Some of the lines below need repeating. Reproduce exactly those between the lines holding "#44=IFCINDEXEDPOLYGONALFACE((1,2,23,22));" and "#49=IFCINDEXEDPOLYGONALFACE((4,6,27,25));", inclusive.

:: EXERCISE DATA

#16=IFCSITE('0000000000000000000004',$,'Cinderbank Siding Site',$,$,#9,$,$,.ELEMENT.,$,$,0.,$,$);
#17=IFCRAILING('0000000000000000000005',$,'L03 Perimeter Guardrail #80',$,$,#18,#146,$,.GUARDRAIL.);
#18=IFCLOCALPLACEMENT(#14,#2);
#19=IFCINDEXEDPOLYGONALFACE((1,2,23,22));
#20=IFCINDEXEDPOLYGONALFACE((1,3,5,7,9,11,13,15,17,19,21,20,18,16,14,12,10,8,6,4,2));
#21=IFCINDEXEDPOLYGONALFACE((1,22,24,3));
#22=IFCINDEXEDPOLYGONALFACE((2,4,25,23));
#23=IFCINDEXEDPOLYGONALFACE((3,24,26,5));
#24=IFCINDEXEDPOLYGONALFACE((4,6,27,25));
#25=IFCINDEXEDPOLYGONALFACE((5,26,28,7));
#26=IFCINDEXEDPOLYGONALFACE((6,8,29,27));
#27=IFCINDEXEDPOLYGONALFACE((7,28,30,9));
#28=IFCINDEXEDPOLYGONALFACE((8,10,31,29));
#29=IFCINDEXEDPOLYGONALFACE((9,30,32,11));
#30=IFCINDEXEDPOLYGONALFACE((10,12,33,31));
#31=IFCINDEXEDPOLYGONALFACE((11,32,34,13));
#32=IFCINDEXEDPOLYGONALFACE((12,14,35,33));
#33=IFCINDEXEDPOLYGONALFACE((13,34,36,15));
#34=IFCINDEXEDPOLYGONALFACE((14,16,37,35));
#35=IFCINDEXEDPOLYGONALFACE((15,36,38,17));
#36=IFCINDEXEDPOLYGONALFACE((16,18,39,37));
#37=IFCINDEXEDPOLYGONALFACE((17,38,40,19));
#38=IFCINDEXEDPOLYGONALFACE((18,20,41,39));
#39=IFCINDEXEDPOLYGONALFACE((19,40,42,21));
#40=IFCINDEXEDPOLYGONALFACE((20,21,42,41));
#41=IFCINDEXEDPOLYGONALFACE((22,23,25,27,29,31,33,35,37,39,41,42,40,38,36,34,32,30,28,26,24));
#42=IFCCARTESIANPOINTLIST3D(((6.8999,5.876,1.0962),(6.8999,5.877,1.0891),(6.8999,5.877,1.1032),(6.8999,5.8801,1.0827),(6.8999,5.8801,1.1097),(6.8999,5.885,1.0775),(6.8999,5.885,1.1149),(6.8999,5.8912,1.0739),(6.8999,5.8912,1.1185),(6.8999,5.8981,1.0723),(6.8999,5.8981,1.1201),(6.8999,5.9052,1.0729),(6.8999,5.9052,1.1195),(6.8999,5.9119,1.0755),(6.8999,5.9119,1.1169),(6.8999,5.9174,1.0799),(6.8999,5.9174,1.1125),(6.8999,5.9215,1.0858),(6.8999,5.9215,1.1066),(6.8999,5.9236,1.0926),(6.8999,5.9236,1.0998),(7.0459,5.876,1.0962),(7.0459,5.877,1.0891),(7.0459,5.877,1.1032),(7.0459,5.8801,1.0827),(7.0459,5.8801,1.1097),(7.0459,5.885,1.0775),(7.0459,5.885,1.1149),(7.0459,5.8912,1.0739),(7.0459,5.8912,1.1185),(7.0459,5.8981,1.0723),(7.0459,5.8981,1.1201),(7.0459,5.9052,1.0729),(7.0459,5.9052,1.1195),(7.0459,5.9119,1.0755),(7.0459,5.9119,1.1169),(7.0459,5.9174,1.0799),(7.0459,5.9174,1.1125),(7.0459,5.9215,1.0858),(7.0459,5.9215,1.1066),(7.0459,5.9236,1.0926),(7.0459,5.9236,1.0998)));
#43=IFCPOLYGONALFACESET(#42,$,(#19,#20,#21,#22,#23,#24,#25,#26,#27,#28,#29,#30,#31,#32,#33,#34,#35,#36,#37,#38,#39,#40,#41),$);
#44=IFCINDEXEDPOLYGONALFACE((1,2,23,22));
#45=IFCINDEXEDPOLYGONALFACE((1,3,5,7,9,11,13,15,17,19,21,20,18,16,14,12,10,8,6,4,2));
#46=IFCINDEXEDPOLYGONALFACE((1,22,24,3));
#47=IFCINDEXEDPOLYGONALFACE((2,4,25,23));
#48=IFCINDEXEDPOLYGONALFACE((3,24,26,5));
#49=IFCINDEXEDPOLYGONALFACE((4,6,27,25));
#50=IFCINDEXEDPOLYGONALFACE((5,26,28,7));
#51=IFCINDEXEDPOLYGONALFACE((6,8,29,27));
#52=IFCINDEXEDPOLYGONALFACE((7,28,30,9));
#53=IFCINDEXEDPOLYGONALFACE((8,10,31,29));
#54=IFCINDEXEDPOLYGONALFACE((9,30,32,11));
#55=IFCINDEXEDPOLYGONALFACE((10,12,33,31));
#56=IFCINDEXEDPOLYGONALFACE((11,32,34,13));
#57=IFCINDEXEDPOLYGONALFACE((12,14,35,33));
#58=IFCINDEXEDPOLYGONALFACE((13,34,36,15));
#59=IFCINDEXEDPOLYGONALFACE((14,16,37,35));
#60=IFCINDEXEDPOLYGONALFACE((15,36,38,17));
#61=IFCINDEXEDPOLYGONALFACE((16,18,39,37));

::::

▶ _EXERCISE ANSWER_:
#44=IFCINDEXEDPOLYGONALFACE((1,2,23,22));
#45=IFCINDEXEDPOLYGONALFACE((1,3,5,7,9,11,13,15,17,19,21,20,18,16,14,12,10,8,6,4,2));
#46=IFCINDEXEDPOLYGONALFACE((1,22,24,3));
#47=IFCINDEXEDPOLYGONALFACE((2,4,25,23));
#48=IFCINDEXEDPOLYGONALFACE((3,24,26,5));
#49=IFCINDEXEDPOLYGONALFACE((4,6,27,25));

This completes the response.